--- WORK REQUEST ---
Search the listing below for the word "Campus" and copy each line where it appears.

_ _ _ _ _ _ _

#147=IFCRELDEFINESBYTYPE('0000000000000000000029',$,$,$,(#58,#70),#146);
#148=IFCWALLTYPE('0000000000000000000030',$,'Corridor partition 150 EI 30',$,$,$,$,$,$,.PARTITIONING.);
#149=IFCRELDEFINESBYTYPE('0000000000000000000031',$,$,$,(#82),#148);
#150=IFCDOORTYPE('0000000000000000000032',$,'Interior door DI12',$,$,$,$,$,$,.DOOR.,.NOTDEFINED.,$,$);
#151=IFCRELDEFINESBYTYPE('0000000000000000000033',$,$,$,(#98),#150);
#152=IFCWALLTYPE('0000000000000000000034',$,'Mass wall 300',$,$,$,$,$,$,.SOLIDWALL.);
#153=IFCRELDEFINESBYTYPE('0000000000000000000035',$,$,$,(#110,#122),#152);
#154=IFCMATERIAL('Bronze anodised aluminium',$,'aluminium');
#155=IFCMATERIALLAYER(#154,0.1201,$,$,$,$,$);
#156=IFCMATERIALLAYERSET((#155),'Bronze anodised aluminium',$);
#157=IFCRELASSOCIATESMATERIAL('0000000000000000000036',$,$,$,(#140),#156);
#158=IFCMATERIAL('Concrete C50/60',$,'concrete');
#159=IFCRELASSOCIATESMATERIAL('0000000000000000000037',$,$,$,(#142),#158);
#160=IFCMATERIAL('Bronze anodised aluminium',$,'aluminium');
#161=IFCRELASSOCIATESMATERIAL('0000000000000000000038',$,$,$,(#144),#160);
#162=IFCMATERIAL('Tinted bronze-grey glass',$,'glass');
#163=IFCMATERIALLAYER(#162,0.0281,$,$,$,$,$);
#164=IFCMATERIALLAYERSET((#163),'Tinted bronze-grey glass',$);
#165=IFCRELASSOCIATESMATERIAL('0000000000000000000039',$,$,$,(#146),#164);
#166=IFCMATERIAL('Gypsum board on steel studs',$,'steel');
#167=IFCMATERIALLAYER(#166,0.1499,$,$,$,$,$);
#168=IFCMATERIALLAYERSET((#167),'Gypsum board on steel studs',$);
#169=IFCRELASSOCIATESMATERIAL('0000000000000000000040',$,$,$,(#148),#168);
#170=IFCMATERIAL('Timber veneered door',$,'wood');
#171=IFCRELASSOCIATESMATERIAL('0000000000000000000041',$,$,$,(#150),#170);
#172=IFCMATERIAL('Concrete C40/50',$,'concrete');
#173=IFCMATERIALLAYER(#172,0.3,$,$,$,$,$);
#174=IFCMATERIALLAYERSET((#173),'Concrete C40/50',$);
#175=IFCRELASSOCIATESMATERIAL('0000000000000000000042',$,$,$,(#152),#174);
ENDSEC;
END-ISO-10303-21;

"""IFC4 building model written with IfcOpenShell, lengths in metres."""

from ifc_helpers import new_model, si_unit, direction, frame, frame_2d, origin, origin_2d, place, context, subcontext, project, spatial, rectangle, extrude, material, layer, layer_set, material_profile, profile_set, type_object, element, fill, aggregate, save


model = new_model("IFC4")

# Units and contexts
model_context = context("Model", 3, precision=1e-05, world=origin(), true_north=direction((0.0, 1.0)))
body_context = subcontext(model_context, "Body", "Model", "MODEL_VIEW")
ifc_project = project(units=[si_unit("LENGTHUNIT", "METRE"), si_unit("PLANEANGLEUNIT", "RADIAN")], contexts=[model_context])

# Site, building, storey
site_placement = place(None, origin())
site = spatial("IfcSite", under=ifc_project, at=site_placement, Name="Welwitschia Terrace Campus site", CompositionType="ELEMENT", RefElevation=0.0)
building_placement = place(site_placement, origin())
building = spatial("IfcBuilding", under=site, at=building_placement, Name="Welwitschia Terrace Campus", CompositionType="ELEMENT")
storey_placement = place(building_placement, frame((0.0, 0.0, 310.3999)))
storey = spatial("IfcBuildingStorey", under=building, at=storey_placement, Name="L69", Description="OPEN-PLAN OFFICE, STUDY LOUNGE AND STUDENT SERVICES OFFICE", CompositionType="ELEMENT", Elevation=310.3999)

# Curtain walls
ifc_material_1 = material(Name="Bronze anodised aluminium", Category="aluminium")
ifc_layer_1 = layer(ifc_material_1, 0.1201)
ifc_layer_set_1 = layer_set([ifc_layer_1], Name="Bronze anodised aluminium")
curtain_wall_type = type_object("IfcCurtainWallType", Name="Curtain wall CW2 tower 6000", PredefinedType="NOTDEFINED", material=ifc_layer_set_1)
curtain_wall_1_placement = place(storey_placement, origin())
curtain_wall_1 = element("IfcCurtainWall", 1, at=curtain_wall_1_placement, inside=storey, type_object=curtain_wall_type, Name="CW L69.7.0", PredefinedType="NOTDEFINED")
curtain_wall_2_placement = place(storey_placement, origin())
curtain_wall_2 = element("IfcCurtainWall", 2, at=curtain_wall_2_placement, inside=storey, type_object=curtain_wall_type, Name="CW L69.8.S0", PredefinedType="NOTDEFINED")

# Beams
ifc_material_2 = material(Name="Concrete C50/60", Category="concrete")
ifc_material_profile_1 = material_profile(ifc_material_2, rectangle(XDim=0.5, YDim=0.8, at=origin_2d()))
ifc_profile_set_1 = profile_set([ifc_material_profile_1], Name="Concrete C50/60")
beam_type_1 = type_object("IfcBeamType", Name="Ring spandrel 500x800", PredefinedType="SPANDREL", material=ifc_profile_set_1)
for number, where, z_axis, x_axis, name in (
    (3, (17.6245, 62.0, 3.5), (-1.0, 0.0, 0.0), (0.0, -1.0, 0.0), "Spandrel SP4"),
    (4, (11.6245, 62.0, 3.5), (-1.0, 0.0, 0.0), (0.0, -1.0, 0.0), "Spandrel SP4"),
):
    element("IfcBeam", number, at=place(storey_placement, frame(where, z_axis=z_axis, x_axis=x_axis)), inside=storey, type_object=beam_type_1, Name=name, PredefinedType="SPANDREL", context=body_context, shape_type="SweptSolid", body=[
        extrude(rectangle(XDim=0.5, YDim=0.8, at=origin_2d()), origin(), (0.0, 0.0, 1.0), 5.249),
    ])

_ _ _ _ _ _ _

--- ANSWER AREA ---
site = spatial("IfcSite", under=ifc_project, at=site_placement, Name="Welwitschia Terrace Campus site", CompositionType="ELEMENT", RefElevation=0.0)
building = spatial("IfcBuilding", under=site, at=building_placement, Name="Welwitschia Terrace Campus", CompositionType="ELEMENT")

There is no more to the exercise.